=== Data listing ===

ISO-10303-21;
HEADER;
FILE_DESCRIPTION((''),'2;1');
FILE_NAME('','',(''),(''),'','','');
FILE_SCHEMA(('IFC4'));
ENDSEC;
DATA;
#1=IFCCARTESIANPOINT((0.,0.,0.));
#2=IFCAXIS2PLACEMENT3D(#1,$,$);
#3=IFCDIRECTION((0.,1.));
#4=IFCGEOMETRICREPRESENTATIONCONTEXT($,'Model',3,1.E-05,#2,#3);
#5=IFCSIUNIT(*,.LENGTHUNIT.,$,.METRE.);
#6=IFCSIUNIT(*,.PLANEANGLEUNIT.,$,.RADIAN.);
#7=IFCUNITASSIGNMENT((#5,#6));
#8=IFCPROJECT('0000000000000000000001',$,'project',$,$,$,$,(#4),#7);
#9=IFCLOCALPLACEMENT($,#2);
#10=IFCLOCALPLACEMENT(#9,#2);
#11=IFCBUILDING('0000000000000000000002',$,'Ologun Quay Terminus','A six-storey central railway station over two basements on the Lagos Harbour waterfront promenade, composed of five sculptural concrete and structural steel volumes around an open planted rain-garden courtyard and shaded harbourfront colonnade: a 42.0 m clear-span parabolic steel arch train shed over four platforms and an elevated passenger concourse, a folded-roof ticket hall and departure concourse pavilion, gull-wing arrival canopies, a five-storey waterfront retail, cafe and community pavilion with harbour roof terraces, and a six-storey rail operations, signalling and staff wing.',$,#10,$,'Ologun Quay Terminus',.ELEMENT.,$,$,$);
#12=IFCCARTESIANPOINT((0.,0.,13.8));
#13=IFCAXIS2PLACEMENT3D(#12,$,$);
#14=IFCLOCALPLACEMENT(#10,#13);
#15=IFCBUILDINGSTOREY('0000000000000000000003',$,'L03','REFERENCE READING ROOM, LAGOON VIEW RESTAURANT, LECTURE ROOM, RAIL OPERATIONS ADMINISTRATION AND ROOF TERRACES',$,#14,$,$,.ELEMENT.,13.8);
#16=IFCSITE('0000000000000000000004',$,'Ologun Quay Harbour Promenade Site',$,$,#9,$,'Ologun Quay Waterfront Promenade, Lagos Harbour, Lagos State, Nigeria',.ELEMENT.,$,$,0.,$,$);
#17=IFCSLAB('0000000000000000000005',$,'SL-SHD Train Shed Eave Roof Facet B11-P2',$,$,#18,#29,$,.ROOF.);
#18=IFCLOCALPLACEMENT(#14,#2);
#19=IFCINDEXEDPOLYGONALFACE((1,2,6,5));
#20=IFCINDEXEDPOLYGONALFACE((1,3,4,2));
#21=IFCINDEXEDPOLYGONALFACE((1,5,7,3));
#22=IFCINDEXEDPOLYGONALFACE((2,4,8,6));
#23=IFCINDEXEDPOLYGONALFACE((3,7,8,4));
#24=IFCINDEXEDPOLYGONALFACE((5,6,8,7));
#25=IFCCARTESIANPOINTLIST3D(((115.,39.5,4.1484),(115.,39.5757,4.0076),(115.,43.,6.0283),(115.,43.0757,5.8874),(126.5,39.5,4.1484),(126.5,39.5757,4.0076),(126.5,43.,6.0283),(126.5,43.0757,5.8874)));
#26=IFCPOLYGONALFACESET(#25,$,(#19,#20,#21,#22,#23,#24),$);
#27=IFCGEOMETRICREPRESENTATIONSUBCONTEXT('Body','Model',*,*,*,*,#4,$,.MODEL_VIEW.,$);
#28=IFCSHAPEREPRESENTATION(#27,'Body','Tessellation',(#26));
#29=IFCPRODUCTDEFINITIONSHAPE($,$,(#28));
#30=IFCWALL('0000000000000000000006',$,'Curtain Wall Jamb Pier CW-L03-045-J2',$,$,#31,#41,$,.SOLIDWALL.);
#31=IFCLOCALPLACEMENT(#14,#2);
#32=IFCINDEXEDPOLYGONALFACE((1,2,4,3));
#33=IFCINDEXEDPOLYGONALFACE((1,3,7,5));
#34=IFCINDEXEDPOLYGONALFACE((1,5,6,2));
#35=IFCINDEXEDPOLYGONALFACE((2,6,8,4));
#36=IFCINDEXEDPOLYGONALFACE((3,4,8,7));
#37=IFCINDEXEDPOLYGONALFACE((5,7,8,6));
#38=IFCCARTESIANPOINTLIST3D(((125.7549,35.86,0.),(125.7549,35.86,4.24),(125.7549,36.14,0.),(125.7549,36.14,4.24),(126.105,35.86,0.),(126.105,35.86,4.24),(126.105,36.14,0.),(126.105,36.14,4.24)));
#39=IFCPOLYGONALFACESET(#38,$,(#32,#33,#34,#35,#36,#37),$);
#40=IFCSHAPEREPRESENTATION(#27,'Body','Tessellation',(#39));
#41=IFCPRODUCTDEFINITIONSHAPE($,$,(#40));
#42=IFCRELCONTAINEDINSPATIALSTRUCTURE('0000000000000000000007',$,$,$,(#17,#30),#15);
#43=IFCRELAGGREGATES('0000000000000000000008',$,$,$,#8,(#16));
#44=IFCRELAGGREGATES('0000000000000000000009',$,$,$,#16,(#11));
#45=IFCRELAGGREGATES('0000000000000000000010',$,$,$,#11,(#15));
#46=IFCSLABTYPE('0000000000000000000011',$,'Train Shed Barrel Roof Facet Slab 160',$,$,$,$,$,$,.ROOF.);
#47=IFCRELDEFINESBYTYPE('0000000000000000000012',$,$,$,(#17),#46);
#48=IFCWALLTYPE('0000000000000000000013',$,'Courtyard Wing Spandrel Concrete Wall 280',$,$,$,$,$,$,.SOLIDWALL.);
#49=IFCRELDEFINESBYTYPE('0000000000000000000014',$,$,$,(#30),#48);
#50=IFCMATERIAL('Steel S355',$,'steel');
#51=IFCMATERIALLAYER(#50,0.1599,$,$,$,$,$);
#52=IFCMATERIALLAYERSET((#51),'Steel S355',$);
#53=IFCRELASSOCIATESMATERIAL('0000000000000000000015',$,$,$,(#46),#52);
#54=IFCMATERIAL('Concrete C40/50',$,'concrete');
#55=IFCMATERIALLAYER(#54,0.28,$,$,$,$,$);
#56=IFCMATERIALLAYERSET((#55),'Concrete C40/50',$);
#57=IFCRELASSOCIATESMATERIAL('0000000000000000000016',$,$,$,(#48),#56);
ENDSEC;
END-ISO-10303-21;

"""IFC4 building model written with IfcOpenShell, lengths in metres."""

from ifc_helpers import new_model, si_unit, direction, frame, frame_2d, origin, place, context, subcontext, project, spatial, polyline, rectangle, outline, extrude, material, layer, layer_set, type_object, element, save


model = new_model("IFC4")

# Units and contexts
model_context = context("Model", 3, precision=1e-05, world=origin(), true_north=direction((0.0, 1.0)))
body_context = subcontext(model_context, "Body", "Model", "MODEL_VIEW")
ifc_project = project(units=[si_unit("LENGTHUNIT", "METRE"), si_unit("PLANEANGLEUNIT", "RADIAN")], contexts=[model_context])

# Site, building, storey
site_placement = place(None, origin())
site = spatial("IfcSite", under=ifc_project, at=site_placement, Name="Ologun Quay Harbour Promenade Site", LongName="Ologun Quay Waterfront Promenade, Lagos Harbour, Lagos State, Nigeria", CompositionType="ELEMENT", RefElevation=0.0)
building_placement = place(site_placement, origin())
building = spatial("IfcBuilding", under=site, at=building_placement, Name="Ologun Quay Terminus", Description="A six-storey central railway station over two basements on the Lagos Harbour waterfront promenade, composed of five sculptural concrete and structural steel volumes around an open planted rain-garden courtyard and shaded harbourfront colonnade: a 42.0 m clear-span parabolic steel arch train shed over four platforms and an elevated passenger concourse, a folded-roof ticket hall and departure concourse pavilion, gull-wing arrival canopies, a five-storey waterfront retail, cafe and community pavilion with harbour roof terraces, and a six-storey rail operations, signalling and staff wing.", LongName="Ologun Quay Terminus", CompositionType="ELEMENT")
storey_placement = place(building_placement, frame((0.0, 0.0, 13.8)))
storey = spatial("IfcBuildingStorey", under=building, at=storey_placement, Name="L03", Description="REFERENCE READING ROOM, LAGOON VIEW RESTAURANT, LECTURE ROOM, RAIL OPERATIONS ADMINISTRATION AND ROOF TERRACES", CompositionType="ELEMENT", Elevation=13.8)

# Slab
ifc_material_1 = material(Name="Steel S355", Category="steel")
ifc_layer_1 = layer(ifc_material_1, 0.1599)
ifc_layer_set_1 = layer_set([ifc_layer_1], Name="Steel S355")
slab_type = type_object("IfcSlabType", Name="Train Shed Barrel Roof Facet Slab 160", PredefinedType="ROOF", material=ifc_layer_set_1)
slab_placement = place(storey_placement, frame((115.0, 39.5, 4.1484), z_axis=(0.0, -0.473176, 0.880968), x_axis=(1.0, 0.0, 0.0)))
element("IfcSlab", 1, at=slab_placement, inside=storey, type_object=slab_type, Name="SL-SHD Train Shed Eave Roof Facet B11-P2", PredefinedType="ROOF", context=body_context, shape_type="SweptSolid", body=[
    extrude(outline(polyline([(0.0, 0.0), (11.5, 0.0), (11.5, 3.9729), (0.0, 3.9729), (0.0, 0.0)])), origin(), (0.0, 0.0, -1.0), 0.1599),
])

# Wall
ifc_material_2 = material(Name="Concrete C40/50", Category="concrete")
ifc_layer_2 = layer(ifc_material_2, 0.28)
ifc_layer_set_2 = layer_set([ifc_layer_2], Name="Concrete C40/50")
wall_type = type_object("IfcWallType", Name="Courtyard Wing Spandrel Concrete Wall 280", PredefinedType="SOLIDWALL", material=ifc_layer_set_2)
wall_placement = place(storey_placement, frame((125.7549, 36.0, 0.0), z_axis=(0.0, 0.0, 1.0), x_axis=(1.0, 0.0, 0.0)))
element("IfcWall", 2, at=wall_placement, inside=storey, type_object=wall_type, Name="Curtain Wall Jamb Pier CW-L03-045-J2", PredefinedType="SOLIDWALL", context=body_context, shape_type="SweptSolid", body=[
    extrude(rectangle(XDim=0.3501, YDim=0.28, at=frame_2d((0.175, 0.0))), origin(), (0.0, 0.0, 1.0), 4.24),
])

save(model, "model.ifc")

===
=== Data listing ===

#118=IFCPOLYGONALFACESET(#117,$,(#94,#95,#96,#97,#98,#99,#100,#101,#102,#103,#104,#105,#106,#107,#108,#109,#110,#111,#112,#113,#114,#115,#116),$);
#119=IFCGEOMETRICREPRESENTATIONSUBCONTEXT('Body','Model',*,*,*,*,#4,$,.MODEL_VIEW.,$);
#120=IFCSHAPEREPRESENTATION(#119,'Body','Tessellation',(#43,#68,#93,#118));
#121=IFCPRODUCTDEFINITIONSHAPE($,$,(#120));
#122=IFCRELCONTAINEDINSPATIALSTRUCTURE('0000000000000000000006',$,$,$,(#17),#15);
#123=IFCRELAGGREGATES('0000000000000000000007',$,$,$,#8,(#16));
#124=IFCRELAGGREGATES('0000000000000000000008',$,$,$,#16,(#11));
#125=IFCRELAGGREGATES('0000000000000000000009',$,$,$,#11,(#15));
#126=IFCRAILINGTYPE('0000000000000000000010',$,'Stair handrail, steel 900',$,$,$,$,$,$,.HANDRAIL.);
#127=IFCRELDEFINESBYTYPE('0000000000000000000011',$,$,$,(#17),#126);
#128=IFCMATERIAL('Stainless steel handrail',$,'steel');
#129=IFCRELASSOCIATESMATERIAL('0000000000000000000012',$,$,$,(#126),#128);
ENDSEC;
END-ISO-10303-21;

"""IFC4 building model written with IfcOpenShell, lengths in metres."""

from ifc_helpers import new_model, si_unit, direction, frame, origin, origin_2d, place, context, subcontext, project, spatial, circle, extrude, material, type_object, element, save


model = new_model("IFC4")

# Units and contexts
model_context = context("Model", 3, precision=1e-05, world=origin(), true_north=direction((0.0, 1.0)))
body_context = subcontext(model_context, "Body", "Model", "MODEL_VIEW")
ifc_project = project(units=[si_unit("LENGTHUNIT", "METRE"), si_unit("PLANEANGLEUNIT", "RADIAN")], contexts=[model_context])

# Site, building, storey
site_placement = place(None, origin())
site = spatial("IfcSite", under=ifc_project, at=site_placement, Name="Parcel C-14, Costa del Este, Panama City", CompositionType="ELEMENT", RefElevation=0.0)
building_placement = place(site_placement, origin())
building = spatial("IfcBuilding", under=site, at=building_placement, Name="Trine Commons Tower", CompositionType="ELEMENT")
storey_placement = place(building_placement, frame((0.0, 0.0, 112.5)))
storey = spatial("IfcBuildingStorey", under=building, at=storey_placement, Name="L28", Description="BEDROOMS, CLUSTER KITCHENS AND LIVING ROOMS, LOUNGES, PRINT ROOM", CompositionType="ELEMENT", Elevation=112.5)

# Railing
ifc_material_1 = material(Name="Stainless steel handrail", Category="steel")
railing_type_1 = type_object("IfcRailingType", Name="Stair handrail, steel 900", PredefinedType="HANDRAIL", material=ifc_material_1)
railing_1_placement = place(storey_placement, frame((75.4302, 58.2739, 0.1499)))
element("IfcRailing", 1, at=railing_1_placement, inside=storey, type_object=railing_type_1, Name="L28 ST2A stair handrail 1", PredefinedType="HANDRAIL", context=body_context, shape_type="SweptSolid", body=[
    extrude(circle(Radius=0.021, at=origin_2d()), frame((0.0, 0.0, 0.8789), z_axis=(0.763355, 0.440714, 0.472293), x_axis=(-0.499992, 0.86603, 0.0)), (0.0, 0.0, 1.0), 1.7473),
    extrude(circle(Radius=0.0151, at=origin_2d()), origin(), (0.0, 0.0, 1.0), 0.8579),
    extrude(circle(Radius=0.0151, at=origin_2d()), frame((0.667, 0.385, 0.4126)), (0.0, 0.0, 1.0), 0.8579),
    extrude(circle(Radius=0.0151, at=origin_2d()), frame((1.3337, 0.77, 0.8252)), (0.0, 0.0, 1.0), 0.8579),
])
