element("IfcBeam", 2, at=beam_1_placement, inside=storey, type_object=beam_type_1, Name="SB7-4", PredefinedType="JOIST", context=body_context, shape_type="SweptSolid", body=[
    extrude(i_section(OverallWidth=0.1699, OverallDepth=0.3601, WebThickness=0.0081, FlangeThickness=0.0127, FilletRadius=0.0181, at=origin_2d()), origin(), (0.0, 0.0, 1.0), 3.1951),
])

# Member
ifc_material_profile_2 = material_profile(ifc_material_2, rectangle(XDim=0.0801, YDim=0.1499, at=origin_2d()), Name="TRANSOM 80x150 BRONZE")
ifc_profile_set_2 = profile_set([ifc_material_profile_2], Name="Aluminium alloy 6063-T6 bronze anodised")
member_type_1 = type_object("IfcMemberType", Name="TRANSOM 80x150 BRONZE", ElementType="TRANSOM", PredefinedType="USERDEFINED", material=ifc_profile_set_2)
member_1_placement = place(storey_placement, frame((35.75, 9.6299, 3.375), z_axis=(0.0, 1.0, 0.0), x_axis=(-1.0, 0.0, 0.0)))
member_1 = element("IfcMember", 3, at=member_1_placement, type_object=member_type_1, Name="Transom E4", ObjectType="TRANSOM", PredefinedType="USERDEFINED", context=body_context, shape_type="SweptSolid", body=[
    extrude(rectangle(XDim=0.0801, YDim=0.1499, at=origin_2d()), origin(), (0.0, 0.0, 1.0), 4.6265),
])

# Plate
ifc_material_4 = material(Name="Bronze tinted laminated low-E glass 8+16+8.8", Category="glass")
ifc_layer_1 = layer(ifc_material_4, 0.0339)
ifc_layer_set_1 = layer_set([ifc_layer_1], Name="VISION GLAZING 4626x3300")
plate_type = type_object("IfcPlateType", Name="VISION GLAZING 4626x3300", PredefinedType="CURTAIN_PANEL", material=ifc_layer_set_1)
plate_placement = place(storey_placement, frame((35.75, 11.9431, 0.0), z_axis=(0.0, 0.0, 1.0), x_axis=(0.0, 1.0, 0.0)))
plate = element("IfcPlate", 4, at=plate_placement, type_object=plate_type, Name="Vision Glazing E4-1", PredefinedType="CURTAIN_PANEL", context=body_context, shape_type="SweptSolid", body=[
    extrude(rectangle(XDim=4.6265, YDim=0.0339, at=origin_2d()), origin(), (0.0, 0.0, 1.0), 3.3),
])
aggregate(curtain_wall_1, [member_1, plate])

===

* **About this task**
Show every line from the listing that contains "IFCSIUNIT".

* **Result of the task**
#5=IFCSIUNIT(*,.LENGTHUNIT.,$,.METRE.);
#6=IFCSIUNIT(*,.PLANEANGLEUNIT.,$,.RADIAN.);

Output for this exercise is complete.